(YOUR INSTRUCTIONS)
Below are entries; output exactly the lines from the one with "#1=IFCCARTESIANPOINT((0.,0.,0.));" to the one with "#7=IFCUNITASSIGNMENT((#5,#6));", both included, and nothing else.
[[ SUPPLIED MATERIAL open ]]
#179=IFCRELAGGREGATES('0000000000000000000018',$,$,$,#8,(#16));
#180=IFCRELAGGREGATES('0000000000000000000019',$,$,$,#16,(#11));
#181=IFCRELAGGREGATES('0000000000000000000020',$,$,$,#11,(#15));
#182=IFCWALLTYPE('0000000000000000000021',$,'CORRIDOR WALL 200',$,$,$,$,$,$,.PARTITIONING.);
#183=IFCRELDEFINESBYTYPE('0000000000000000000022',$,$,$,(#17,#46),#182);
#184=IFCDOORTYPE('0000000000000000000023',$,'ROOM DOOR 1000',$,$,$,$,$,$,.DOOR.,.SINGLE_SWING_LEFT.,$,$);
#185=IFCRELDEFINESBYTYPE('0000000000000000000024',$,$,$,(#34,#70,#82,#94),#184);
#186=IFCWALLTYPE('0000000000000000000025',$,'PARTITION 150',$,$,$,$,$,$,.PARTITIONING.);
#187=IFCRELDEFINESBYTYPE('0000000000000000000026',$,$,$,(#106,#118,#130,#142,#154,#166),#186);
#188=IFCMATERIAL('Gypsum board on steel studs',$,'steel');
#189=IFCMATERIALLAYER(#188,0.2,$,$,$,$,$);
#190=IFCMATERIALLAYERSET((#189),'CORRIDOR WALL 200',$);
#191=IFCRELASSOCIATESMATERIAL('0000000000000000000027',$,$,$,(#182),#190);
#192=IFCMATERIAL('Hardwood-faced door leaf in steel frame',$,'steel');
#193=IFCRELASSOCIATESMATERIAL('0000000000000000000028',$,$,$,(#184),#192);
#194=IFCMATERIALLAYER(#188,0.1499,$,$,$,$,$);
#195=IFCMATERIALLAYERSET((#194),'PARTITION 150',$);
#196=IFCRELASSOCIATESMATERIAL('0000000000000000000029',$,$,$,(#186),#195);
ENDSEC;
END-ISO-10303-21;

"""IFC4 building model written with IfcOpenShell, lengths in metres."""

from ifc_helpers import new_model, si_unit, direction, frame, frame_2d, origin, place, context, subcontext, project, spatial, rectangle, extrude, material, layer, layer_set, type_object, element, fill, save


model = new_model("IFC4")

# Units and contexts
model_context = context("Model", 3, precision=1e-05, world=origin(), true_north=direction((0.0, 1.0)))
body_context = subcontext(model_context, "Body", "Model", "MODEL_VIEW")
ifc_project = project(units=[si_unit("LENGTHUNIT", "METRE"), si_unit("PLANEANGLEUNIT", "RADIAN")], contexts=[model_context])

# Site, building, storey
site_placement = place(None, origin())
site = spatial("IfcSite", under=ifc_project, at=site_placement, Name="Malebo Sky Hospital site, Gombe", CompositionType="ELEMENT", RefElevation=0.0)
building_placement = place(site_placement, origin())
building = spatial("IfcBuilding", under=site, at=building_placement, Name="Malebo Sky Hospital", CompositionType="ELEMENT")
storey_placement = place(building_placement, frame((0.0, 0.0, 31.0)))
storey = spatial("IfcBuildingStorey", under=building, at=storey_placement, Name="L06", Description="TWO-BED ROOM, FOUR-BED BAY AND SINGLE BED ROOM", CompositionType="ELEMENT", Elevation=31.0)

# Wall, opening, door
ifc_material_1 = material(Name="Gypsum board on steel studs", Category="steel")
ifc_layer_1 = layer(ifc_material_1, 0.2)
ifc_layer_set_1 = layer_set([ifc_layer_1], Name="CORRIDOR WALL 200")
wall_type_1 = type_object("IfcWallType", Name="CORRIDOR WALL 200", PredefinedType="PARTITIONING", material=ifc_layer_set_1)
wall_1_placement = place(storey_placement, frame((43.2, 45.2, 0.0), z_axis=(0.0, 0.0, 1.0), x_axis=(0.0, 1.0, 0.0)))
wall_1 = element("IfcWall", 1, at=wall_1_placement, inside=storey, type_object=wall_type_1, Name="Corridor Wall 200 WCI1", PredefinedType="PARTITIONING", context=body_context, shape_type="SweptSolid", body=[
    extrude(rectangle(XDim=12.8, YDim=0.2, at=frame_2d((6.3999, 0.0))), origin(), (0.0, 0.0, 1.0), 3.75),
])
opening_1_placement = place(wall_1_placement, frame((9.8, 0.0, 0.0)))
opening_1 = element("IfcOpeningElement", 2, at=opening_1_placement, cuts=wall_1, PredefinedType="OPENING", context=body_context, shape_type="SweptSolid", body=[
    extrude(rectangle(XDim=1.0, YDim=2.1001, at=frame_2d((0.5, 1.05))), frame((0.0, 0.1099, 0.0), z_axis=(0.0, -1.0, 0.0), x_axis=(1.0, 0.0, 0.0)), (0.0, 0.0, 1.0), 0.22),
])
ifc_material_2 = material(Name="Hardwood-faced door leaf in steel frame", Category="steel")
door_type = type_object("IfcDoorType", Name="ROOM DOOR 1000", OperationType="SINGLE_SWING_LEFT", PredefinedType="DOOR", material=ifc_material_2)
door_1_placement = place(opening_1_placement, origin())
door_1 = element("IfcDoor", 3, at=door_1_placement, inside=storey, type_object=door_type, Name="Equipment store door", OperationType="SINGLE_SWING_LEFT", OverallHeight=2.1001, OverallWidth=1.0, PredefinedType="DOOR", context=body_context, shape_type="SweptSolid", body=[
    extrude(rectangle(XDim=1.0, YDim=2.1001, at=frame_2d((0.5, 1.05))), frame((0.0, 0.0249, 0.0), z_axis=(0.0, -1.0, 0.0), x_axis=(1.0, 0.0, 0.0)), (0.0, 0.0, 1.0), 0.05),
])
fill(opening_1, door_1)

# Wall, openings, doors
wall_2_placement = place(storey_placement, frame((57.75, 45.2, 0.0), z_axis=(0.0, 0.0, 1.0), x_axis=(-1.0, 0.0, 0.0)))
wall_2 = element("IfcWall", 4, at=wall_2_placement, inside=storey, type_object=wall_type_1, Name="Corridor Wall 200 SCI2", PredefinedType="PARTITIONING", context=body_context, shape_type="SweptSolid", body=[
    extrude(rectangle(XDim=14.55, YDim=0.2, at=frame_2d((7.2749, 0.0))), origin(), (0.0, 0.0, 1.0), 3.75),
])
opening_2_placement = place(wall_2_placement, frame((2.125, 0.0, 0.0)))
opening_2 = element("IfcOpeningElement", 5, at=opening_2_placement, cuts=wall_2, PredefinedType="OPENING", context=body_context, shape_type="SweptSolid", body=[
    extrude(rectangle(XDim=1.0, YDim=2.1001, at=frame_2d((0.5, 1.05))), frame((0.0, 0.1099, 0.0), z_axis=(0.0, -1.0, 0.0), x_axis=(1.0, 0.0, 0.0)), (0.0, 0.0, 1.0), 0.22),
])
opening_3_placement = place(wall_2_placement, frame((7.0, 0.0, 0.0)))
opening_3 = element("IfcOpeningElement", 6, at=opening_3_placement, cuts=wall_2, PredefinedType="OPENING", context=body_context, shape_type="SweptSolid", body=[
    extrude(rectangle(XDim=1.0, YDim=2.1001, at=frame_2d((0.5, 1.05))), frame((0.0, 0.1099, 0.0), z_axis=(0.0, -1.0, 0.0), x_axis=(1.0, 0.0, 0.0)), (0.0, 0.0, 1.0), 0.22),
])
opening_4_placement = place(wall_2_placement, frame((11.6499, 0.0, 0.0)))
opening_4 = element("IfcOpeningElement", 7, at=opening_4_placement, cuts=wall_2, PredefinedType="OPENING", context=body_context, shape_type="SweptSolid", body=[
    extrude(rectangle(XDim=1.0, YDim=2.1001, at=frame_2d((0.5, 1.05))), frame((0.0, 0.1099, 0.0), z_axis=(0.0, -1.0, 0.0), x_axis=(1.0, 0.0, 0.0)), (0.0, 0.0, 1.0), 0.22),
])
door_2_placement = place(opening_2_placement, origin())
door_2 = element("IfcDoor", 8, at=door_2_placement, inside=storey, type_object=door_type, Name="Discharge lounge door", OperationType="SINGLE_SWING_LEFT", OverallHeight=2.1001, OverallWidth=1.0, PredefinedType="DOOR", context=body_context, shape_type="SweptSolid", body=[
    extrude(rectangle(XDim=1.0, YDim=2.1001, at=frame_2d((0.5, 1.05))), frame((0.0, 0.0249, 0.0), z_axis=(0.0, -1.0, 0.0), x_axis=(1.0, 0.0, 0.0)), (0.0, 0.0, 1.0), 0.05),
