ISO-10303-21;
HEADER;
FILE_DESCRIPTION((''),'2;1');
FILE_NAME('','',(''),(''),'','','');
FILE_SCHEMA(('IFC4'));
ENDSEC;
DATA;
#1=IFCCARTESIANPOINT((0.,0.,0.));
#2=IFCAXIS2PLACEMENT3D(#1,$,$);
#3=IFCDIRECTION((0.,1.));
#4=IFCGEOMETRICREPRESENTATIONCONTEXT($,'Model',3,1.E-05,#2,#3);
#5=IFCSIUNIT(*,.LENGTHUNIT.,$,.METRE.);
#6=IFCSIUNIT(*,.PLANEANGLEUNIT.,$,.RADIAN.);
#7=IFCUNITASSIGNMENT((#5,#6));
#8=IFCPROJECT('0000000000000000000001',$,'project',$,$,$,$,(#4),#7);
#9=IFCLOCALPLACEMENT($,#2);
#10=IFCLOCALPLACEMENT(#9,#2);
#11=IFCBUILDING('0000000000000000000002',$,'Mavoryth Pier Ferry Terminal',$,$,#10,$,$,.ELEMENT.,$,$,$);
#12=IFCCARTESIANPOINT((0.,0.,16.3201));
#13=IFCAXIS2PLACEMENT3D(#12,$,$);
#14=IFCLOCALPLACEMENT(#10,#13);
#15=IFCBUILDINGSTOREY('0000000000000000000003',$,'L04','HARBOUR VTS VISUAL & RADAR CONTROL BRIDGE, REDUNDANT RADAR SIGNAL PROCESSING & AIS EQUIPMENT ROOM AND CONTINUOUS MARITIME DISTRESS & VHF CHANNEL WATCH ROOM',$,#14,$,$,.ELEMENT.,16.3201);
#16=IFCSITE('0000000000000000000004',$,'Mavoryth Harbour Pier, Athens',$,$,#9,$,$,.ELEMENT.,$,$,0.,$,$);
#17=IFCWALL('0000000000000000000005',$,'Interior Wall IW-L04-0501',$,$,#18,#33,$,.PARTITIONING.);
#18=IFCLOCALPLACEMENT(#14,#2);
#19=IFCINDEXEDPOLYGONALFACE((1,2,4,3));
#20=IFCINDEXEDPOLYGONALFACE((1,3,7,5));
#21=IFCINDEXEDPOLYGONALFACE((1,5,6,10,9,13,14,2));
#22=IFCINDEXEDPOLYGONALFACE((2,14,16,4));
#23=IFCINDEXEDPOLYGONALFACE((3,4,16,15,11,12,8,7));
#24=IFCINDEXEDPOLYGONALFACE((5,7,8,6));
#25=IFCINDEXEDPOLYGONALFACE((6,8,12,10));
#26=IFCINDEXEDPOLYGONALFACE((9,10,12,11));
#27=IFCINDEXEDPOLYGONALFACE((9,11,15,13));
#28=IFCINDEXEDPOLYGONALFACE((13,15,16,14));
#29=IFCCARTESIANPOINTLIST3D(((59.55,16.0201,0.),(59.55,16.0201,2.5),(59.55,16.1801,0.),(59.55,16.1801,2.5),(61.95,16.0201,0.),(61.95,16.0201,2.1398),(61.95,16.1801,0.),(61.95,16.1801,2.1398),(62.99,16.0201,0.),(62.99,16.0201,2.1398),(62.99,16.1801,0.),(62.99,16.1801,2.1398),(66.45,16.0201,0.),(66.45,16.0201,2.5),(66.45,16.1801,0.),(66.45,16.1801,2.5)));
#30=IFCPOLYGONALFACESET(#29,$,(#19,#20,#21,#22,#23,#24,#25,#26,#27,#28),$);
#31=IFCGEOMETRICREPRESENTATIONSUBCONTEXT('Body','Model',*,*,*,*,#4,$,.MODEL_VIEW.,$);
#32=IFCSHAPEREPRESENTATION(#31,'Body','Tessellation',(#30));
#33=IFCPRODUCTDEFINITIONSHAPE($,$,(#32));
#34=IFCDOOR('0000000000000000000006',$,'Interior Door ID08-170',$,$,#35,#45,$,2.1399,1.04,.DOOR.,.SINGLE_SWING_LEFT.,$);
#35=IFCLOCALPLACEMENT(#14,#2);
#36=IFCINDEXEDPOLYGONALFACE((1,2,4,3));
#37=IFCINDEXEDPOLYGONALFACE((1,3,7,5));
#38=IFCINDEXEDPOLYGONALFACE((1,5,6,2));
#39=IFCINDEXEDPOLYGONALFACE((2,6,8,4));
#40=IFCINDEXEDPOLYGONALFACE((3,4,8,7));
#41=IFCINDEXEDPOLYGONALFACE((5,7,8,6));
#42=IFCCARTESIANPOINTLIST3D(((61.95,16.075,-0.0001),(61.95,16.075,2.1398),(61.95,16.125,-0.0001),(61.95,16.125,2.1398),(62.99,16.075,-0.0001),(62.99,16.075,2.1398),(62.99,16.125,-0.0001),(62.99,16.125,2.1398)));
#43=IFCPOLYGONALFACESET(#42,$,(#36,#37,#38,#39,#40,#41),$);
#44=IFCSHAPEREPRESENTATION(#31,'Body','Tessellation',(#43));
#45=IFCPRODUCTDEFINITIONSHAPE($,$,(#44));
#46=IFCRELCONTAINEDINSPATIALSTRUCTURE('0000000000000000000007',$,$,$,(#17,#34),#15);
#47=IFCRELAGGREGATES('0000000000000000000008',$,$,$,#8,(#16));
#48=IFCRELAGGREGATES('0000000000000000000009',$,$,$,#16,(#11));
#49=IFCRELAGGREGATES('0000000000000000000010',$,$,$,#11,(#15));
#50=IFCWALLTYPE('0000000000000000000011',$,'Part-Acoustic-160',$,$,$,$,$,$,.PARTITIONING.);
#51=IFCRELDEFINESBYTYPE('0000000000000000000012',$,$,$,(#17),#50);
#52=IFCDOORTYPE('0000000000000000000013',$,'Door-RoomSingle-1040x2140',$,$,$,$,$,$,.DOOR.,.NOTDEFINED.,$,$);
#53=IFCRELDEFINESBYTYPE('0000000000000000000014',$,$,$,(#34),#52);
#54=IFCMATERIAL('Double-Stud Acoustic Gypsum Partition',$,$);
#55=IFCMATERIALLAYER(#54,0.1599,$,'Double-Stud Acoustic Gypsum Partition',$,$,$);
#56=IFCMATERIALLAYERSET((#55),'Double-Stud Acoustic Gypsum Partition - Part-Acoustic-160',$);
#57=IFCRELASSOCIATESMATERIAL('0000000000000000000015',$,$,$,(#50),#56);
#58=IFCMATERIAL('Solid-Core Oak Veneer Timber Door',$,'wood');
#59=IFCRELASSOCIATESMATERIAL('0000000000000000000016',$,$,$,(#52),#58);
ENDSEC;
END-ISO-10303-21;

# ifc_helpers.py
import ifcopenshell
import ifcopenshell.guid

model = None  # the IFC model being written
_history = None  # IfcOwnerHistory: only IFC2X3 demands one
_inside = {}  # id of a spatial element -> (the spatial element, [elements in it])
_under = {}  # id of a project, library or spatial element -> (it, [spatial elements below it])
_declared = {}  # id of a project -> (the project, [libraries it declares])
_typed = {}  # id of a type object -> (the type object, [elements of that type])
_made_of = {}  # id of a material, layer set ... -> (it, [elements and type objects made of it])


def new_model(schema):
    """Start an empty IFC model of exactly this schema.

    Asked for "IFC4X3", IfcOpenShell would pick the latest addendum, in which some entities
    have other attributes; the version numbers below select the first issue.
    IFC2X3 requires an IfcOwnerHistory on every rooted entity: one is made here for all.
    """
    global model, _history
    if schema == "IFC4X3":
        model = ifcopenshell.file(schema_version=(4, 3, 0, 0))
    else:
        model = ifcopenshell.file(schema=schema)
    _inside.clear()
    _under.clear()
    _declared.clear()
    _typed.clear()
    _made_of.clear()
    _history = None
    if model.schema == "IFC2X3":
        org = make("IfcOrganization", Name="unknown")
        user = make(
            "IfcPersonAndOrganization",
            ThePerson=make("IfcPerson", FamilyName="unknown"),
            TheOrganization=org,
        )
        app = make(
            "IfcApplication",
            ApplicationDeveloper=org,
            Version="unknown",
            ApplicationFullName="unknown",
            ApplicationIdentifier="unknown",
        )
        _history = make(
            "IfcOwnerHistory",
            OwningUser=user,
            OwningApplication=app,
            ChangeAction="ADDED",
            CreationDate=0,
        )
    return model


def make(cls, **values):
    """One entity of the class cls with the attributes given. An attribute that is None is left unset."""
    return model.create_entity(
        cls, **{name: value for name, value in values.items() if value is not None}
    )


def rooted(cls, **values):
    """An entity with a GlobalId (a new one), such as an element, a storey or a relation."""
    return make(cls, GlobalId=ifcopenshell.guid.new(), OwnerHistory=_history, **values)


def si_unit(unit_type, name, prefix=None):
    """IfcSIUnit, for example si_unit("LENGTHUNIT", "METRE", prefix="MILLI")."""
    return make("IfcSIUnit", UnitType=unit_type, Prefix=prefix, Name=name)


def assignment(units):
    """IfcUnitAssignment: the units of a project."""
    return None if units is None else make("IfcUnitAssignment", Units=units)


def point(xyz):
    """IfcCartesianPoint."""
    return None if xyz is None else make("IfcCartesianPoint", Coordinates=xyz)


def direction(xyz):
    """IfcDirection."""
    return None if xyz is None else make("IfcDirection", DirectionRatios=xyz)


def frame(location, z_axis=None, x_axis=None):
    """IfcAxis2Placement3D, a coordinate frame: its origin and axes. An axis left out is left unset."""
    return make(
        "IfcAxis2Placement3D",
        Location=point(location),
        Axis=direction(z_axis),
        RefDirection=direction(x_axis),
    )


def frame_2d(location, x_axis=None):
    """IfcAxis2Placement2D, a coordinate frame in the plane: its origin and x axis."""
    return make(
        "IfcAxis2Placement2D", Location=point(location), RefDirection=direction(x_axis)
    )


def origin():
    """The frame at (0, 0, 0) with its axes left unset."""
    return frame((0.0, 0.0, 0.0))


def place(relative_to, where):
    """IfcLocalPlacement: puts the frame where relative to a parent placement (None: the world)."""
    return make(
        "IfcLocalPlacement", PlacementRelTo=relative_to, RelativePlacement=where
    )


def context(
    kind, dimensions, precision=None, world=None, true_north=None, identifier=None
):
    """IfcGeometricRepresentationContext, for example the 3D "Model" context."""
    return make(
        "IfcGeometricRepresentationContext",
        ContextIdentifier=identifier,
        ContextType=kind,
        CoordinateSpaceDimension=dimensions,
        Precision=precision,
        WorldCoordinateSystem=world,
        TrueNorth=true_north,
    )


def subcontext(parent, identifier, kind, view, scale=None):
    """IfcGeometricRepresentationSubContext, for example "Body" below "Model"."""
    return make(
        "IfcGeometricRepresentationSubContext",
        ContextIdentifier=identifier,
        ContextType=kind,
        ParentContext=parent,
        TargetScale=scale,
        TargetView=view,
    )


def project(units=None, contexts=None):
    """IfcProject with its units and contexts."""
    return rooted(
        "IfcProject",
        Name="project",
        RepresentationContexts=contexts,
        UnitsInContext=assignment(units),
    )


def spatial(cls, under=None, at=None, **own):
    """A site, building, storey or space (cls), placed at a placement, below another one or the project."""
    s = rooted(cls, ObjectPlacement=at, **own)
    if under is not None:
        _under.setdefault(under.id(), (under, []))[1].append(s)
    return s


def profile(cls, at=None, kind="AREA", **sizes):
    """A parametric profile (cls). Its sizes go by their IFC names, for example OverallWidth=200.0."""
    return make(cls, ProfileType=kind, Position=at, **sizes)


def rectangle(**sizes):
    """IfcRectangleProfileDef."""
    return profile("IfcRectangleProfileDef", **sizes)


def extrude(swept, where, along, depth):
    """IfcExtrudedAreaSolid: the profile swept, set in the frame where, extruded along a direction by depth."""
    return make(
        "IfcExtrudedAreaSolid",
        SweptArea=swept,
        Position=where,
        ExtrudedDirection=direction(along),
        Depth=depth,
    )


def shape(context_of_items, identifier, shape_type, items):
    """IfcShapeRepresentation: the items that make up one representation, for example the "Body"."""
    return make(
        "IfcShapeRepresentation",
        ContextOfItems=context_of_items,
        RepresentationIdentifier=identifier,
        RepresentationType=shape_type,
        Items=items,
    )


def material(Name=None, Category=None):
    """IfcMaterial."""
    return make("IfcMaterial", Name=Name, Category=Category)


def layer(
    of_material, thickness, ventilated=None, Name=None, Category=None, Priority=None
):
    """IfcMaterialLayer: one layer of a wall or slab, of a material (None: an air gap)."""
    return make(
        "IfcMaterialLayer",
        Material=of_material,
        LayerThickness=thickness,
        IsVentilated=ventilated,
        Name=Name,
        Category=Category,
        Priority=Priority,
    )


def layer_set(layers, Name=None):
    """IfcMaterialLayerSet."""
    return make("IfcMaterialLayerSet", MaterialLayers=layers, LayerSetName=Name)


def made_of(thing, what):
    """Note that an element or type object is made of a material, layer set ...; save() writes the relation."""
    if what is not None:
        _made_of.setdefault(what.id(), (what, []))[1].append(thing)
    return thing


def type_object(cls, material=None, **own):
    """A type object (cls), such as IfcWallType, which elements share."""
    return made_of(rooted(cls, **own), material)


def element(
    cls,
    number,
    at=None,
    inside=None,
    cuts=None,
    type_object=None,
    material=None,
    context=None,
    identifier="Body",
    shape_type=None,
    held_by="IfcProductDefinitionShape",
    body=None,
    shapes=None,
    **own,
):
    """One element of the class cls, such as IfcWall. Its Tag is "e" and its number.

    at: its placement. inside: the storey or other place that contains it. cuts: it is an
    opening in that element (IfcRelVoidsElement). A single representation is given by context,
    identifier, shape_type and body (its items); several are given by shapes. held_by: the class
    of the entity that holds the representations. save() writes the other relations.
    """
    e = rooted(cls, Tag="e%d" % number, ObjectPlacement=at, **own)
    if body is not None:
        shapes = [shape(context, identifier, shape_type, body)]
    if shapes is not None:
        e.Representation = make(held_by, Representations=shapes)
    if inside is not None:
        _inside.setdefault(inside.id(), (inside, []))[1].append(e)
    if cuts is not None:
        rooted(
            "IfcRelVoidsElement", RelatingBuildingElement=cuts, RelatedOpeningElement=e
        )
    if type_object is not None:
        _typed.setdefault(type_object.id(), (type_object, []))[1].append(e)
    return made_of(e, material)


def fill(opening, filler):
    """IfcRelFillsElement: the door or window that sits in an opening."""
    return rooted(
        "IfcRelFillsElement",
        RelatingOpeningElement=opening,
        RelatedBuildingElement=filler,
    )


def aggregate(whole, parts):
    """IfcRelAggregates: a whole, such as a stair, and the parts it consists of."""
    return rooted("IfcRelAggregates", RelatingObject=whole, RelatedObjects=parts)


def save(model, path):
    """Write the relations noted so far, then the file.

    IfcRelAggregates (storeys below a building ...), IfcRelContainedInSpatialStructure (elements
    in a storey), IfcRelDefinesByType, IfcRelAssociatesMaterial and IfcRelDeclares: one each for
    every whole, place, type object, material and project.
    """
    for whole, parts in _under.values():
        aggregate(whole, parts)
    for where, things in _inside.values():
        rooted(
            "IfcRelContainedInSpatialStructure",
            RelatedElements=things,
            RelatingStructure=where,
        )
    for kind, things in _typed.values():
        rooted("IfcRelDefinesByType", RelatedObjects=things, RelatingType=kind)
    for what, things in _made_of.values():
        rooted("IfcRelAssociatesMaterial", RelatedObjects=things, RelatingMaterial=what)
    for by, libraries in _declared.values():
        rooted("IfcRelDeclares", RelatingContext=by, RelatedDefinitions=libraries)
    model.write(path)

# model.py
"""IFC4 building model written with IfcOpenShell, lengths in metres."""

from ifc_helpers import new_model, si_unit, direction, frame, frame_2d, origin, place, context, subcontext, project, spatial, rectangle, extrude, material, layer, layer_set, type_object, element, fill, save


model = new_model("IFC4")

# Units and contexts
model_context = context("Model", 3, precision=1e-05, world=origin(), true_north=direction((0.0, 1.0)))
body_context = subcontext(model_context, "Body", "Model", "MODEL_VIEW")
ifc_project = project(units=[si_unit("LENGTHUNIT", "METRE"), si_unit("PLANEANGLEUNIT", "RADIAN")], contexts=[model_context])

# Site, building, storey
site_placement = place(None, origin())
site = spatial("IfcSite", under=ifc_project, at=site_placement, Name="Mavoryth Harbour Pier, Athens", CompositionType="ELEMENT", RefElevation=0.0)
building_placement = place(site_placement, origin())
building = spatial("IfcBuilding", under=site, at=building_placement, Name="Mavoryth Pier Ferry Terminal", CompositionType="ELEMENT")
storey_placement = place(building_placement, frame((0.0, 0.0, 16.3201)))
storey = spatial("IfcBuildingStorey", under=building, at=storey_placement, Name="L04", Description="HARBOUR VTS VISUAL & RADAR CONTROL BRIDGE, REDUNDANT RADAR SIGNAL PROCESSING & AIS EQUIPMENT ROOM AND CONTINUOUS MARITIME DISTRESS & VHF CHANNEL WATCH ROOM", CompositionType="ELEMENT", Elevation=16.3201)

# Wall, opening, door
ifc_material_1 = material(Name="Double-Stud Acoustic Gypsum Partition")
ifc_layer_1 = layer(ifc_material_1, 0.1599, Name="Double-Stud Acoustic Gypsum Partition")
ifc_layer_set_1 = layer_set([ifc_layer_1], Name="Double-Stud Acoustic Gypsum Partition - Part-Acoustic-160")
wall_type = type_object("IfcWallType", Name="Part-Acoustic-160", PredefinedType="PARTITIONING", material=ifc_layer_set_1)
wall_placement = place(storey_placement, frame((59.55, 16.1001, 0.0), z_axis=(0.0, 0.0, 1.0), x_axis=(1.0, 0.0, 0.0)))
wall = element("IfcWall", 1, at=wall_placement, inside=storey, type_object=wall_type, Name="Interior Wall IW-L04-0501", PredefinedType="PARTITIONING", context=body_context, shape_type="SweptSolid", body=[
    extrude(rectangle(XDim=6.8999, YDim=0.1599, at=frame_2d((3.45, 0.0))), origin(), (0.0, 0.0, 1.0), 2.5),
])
[[ SUPPLIED MATERIAL closed ]]
(ANSWER TO THE EXERCISE)
#1=IFCCARTESIANPOINT((0.,0.,0.));
#2=IFCAXIS2PLACEMENT3D(#1,$,$);
#3=IFCDIRECTION((0.,1.));
#4=IFCGEOMETRICREPRESENTATIONCONTEXT($,'Model',3,1.E-05,#2,#3);
#5=IFCSIUNIT(*,.LENGTHUNIT.,$,.METRE.);
#6=IFCSIUNIT(*,.PLANEANGLEUNIT.,$,.RADIAN.);
#7=IFCUNITASSIGNMENT((#5,#6));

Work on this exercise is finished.